Would you please copy the part of the material below that opens with the line containing "END-ISO-10303-21;" and closes with the line containing "site_placement = place(None, origin())"? Copy it exactly, and only it.
──────── Data for this task
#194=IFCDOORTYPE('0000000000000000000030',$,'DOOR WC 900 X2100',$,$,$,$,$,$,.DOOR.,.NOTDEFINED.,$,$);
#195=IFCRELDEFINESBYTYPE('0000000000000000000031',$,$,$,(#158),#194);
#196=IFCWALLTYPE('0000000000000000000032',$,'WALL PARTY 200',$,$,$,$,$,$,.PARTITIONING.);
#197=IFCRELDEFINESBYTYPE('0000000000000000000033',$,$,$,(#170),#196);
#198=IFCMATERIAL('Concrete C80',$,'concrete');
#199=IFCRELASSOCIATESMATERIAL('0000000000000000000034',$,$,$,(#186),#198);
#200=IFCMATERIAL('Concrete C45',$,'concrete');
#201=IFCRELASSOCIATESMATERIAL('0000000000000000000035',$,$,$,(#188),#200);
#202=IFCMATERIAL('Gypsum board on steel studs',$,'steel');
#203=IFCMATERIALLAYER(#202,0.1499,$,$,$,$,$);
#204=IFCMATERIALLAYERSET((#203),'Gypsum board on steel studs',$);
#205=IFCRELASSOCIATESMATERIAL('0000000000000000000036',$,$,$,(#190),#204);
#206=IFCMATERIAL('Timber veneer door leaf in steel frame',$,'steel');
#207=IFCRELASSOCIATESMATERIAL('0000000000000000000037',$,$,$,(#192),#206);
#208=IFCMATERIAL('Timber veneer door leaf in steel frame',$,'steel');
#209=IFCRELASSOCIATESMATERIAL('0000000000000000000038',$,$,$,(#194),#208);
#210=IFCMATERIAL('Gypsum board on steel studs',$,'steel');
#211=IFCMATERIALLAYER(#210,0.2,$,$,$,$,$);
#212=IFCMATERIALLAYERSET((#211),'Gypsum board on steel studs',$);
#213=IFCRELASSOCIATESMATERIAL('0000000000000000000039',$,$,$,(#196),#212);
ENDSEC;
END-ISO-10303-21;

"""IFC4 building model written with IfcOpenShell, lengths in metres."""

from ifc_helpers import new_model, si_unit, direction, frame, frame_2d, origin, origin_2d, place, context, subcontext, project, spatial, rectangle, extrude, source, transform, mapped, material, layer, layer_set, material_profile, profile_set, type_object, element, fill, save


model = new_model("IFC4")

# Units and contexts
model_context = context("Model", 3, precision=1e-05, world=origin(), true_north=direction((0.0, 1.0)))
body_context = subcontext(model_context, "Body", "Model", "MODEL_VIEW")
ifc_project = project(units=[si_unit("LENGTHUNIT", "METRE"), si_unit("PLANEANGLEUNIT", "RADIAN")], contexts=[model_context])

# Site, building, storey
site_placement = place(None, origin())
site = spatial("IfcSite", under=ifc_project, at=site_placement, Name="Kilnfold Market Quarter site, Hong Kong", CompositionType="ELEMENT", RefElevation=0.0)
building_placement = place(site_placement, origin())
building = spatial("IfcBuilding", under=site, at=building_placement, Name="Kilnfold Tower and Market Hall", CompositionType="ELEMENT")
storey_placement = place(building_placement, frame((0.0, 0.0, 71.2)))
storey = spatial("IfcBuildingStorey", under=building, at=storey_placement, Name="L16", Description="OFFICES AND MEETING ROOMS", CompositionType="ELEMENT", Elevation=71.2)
────────────────
──────── Data for this task
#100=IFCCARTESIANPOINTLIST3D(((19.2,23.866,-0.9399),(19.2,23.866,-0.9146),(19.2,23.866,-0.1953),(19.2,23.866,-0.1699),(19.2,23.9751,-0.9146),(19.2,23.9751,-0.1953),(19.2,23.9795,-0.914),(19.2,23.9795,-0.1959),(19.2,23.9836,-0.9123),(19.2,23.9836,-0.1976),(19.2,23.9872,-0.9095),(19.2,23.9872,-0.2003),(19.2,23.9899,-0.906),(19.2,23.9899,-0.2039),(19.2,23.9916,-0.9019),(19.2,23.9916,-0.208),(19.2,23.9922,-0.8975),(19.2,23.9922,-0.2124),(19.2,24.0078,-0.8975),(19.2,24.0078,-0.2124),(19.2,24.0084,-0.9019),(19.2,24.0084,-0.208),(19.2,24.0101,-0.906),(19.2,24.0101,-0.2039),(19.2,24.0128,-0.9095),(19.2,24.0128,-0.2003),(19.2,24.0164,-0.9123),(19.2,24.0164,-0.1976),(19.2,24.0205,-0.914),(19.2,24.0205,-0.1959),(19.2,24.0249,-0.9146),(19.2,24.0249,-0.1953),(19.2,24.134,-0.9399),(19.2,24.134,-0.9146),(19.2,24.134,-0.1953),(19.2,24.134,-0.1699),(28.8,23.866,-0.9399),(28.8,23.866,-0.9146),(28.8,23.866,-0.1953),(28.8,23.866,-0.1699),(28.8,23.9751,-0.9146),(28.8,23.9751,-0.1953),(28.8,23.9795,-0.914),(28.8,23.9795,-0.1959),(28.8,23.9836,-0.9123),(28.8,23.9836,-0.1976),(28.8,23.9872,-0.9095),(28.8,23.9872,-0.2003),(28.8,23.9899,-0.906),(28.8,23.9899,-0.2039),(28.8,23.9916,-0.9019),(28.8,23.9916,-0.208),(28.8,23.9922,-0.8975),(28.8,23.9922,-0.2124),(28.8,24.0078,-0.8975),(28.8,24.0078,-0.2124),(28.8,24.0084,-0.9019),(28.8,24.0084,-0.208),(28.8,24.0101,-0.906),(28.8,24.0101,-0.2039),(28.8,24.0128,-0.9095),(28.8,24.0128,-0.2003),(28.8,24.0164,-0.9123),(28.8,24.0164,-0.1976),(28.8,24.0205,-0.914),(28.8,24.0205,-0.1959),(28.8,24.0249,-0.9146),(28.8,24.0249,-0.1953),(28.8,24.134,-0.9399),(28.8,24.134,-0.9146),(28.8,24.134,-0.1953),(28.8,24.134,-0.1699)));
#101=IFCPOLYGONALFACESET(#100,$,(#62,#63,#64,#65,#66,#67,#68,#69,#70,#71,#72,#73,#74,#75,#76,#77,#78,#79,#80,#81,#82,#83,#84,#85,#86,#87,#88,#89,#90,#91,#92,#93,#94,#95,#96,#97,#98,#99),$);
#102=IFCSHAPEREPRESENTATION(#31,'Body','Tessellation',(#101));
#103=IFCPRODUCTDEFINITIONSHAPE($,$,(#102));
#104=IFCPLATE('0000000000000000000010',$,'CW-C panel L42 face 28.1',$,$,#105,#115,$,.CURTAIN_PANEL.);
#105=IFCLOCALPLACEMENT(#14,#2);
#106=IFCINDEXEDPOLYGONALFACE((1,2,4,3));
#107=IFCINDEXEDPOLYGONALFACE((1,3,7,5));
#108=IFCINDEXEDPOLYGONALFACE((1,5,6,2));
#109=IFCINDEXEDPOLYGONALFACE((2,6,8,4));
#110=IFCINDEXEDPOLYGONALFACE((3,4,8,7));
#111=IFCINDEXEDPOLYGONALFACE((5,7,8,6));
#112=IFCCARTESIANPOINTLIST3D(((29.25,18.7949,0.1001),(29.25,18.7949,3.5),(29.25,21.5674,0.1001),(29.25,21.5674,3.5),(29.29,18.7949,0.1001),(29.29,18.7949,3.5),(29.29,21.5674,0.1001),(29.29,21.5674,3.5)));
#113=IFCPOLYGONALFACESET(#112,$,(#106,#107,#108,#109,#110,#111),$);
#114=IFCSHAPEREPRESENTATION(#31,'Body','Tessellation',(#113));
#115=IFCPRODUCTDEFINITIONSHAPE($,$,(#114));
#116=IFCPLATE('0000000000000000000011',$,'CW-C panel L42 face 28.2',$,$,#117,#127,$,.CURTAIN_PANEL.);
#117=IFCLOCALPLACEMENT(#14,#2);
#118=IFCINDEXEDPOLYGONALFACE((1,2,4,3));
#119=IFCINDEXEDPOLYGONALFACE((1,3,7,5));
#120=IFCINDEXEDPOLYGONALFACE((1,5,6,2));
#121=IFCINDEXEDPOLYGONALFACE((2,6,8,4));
────────────────
**Solved exercise:**
END-ISO-10303-21;

"""IFC4 building model written with IfcOpenShell, lengths in metres."""

from ifc_helpers import new_model, si_unit, direction, frame, frame_2d, origin, origin_2d, place, context, subcontext, project, spatial, rectangle, extrude, source, transform, mapped, material, layer, layer_set, material_profile, profile_set, type_object, element, fill, save


model = new_model("IFC4")

# Units and contexts
model_context = context("Model", 3, precision=1e-05, world=origin(), true_north=direction((0.0, 1.0)))
body_context = subcontext(model_context, "Body", "Model", "MODEL_VIEW")
ifc_project = project(units=[si_unit("LENGTHUNIT", "METRE"), si_unit("PLANEANGLEUNIT", "RADIAN")], contexts=[model_context])

# Site, building, storey
site_placement = place(None, origin())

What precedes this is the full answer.